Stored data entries
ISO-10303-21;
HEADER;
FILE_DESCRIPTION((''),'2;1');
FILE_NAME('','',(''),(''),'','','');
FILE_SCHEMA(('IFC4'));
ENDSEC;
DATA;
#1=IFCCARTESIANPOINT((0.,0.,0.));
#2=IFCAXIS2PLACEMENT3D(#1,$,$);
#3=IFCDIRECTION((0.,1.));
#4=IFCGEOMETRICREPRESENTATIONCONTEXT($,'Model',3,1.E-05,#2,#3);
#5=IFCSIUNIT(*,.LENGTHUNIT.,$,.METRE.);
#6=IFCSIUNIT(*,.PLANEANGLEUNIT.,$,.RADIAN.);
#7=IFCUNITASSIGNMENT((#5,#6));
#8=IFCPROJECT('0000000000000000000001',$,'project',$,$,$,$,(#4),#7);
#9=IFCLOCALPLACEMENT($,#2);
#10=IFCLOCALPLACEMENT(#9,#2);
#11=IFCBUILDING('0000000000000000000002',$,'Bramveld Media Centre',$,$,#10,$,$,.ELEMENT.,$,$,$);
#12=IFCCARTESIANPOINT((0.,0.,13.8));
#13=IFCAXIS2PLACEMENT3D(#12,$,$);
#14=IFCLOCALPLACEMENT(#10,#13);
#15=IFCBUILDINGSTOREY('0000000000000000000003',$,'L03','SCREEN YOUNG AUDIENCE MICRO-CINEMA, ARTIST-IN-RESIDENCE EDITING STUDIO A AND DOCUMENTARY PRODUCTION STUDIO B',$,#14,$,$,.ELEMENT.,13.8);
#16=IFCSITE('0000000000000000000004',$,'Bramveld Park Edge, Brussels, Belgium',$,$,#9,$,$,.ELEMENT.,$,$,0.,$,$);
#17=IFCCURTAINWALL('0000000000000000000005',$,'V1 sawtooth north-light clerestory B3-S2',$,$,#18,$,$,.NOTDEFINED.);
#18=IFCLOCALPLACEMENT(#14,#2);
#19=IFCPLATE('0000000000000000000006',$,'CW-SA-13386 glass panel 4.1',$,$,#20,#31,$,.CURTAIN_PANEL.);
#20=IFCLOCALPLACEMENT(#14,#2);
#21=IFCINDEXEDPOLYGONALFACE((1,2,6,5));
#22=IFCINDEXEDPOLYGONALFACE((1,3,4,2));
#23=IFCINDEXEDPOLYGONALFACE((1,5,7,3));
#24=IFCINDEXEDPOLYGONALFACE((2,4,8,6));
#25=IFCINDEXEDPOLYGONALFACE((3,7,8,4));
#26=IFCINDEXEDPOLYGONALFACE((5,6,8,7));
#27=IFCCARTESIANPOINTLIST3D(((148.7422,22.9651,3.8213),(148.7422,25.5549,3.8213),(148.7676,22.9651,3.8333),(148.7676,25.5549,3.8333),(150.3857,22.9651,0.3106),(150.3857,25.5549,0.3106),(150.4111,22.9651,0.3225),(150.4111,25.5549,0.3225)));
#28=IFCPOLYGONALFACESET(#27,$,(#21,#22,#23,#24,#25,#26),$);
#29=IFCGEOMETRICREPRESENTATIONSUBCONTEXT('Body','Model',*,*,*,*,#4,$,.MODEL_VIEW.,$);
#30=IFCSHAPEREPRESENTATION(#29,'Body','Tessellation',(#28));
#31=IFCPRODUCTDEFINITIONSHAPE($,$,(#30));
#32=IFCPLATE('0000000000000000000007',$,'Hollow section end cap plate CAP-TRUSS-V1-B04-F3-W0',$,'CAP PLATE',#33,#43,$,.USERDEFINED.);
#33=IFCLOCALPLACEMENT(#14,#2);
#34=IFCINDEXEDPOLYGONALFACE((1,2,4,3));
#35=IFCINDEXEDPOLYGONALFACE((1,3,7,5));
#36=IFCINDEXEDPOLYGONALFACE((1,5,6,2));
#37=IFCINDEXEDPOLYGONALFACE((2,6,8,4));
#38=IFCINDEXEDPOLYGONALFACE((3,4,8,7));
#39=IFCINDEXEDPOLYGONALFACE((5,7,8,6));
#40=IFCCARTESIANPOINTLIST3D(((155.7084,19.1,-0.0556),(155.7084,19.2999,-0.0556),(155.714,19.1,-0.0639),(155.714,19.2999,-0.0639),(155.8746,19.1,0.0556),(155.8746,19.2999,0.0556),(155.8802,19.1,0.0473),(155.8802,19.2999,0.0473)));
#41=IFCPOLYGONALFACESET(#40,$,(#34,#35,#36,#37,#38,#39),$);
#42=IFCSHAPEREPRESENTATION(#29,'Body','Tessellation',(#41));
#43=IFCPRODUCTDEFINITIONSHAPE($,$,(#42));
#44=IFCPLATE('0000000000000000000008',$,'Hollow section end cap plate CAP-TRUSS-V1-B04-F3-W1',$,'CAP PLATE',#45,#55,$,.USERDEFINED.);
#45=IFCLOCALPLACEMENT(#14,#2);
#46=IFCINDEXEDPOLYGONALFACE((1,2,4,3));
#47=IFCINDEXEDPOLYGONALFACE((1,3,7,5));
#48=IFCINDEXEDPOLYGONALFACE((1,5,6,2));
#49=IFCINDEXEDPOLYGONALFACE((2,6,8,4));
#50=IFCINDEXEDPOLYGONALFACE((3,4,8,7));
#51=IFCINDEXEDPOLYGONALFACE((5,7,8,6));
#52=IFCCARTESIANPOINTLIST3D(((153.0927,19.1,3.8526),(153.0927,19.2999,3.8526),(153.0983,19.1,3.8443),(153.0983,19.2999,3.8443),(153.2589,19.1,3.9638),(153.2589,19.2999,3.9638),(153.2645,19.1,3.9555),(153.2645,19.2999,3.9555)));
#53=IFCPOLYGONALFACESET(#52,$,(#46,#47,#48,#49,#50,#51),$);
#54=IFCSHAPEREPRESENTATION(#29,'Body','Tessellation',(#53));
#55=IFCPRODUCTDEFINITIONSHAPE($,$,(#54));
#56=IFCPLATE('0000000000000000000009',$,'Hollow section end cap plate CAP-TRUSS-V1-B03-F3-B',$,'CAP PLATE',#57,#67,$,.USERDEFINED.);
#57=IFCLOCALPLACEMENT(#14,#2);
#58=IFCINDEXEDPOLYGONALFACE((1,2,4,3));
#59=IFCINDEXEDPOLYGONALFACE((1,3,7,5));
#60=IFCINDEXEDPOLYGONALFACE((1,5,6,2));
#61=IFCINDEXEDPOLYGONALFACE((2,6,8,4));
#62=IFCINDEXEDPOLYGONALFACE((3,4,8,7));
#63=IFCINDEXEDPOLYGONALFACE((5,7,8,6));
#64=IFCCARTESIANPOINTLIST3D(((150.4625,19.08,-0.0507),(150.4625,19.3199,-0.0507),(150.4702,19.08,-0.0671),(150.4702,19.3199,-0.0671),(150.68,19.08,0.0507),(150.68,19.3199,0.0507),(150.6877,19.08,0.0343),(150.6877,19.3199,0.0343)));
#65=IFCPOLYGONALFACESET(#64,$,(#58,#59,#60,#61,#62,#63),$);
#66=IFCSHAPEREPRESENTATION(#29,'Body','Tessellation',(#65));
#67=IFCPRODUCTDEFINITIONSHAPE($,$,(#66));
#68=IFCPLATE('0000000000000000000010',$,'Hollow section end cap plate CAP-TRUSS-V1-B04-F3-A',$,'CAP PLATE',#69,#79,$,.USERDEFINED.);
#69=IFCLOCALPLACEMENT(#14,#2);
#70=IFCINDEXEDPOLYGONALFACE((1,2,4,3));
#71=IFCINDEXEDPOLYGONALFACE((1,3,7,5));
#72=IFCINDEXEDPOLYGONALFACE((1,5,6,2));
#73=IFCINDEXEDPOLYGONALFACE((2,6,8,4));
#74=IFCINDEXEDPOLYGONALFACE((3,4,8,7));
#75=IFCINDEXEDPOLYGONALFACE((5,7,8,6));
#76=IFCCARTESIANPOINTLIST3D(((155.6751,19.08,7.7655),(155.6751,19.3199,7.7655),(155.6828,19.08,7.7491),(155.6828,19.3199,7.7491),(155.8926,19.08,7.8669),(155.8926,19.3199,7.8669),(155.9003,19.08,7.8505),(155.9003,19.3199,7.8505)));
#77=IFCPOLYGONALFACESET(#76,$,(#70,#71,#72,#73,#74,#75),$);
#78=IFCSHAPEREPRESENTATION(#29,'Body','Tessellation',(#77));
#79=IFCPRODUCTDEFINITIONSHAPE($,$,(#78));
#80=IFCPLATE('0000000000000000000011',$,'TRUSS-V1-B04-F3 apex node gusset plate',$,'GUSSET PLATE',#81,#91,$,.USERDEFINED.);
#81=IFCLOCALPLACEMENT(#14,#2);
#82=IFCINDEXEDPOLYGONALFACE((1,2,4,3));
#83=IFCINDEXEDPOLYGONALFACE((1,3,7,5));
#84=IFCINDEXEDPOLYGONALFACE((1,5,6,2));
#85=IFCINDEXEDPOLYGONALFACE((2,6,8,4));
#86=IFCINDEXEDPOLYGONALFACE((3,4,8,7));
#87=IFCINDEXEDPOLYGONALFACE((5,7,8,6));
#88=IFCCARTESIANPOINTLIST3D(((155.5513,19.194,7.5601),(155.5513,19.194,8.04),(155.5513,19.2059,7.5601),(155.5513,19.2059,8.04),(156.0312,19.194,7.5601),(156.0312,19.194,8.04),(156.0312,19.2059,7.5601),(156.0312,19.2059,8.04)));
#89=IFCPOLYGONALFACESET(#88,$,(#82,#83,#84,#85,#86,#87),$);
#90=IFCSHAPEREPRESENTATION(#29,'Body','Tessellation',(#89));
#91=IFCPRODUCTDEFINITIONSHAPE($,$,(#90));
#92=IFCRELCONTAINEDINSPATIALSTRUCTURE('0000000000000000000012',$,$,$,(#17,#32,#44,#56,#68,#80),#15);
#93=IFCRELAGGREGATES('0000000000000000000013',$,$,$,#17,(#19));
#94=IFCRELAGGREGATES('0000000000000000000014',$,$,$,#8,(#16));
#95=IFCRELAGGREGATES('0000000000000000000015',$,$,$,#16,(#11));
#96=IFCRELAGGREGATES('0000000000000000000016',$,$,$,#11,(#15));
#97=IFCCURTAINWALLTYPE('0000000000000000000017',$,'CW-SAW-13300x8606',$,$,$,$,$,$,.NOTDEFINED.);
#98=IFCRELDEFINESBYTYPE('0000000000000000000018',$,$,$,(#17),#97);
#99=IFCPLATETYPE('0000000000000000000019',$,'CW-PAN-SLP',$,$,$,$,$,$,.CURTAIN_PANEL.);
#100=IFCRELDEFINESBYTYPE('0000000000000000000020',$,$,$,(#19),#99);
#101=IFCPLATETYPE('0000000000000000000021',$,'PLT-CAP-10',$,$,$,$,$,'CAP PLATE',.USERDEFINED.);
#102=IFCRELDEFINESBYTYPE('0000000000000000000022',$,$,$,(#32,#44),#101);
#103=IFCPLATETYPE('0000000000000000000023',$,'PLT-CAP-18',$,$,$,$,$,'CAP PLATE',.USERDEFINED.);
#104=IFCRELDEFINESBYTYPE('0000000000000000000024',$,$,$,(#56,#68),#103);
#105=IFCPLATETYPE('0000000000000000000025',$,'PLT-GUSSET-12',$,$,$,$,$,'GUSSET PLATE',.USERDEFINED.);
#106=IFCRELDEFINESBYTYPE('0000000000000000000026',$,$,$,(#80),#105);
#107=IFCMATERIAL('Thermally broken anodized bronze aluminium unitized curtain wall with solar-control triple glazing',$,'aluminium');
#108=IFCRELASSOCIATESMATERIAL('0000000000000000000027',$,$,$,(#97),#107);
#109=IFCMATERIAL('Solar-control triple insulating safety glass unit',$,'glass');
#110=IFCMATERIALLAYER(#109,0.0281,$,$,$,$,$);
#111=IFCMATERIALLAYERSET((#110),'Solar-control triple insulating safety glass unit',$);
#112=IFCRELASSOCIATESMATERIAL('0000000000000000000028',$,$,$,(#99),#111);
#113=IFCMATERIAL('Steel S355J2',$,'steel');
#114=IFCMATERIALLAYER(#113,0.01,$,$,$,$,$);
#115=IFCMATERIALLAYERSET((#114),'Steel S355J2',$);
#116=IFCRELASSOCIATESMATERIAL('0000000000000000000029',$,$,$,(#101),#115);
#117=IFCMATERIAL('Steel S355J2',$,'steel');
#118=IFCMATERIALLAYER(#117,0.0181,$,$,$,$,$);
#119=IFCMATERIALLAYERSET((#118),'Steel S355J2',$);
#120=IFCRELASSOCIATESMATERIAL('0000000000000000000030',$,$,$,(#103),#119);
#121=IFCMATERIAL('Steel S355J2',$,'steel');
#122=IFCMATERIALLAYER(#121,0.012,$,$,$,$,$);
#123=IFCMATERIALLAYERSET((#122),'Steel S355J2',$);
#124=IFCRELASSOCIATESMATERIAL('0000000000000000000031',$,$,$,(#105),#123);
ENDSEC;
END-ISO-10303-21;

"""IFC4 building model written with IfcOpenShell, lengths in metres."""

from ifc_helpers import new_model, si_unit, direction, frame, origin, origin_2d, place, context, subcontext, project, spatial, polyline, rectangle, outline, extrude, material, layer, layer_set, type_object, element, aggregate, save


model = new_model("IFC4")

# Units and contexts
model_context = context("Model", 3, precision=1e-05, world=origin(), true_north=direction((0.0, 1.0)))
body_context = subcontext(model_context, "Body", "Model", "MODEL_VIEW")
ifc_project = project(units=[si_unit("LENGTHUNIT", "METRE"), si_unit("PLANEANGLEUNIT", "RADIAN")], contexts=[model_context])

# Site, building, storey
site_placement = place(None, origin())
site = spatial("IfcSite", under=ifc_project, at=site_placement, Name="Bramveld Park Edge, Brussels, Belgium", CompositionType="ELEMENT", RefElevation=0.0)
building_placement = place(site_placement, origin())
building = spatial("IfcBuilding", under=site, at=building_placement, Name="Bramveld Media Centre", CompositionType="ELEMENT")
storey_placement = place(building_placement, frame((0.0, 0.0, 13.8)))
storey = spatial("IfcBuildingStorey", under=building, at=storey_placement, Name="L03", Description="SCREEN YOUNG AUDIENCE MICRO-CINEMA, ARTIST-IN-RESIDENCE EDITING STUDIO A AND DOCUMENTARY PRODUCTION STUDIO B", CompositionType="ELEMENT", Elevation=13.8)

# Curtain wall
ifc_material_1 = material(Name="Thermally broken anodized bronze aluminium unitized curtain wall with solar-control triple glazing", Category="aluminium")
curtain_wall_type = type_object("IfcCurtainWallType", Name="CW-SAW-13300x8606", PredefinedType="NOTDEFINED", material=ifc_material_1)
curtain_wall_1_placement = place(storey_placement, origin())
curtain_wall_1 = element("IfcCurtainWall", 1, at=curtain_wall_1_placement, inside=storey, type_object=curtain_wall_type, Name="V1 sawtooth north-light clerestory B3-S2", PredefinedType="NOTDEFINED")

# Plate
ifc_material_2 = material(Name="Solar-control triple insulating safety glass unit", Category="glass")
ifc_layer_1 = layer(ifc_material_2, 0.0281)
ifc_layer_set_1 = layer_set([ifc_layer_1], Name="Solar-control triple insulating safety glass unit")
plate_type_1 = type_object("IfcPlateType", Name="CW-PAN-SLP", PredefinedType="CURTAIN_PANEL", material=ifc_layer_set_1)
plate_1_placement = place(storey_placement, frame((150.4111, 22.9651, 0.3225), z_axis=(0.905668, 0.0, 0.423988), x_axis=(0.0, 1.0, 0.0)))
plate_1 = element("IfcPlate", 2, at=plate_1_placement, type_object=plate_type_1, Name="CW-SA-13386 glass panel 4.1", PredefinedType="CURTAIN_PANEL", context=body_context, shape_type="SweptSolid", body=[
    extrude(outline(polyline([(0.0, 0.0), (2.5898, 0.0), (2.5898, 3.8764), (0.0, 3.8764), (0.0, 0.0)])), origin(), (0.0, 0.0, -1.0), 0.0281),
])
aggregate(curtain_wall_1, [plate_1])

# Plates
ifc_material_3 = material(Name="Steel S355J2", Category="steel")
ifc_layer_2 = layer(ifc_material_3, 0.01)
ifc_layer_set_2 = layer_set([ifc_layer_2], Name="Steel S355J2")
plate_type_2 = type_object("IfcPlateType", Name="PLT-CAP-10", ElementType="CAP PLATE", PredefinedType="USERDEFINED", material=ifc_layer_set_2)
for number, where, z_axis, x_axis, name in (
    (3, (155.7915, 19.2, 0.0), (0.55616, 0.0, -0.831075), (0.0, 1.0, 0.0), "Hollow section end cap plate CAP-TRUSS-V1-B04-F3-W0"),
    (4, (153.1814, 19.2, 3.8999), (-0.55616, 0.0, 0.831075), (0.0, -1.0, 0.0), "Hollow section end cap plate CAP-TRUSS-V1-B04-F3-W1"),
):
    element("IfcPlate", number, at=place(storey_placement, frame(where, z_axis=z_axis, x_axis=x_axis)), inside=storey, type_object=plate_type_2, Name=name, ObjectType="CAP PLATE", PredefinedType="USERDEFINED", context=body_context, shape_type="SweptSolid", body=[
        extrude(rectangle(XDim=0.2, YDim=0.2, at=origin_2d()), origin(), (0.0, 0.0, 1.0), 0.01),
    ])
ifc_material_4 = material(Name="Steel S355J2", Category="steel")
ifc_layer_3 = layer(ifc_material_4, 0.0181)
ifc_layer_set_3 = layer_set([ifc_layer_3], Name="Steel S355J2")
plate_type_3 = type_object("IfcPlateType", Name="PLT-CAP-18", ElementType="CAP PLATE", PredefinedType="USERDEFINED", material=ifc_layer_set_3)
for number, where, z_axis, x_axis, name in (
    (5, (150.5713, 19.2, 0.0), (0.422618, 0.0, -0.906308), (0.0, 1.0, 0.0), "Hollow section end cap plate CAP-TRUSS-V1-B03-F3-B"),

• [WORK REQUIRED]
The stretch of entries above that starts with the line containing "#73=IFCINDEXEDPOLYGONALFACE((2,6,8,4));" and goes on through the line containing "#75=IFCINDEXEDPOLYGONALFACE((5,7,8,6));" is to be transcribed exactly, and no other line is to be transcribed.

• [EXERCISE ANSWER]
#73=IFCINDEXEDPOLYGONALFACE((2,6,8,4));
#74=IFCINDEXEDPOLYGONALFACE((3,4,8,7));
#75=IFCINDEXEDPOLYGONALFACE((5,7,8,6));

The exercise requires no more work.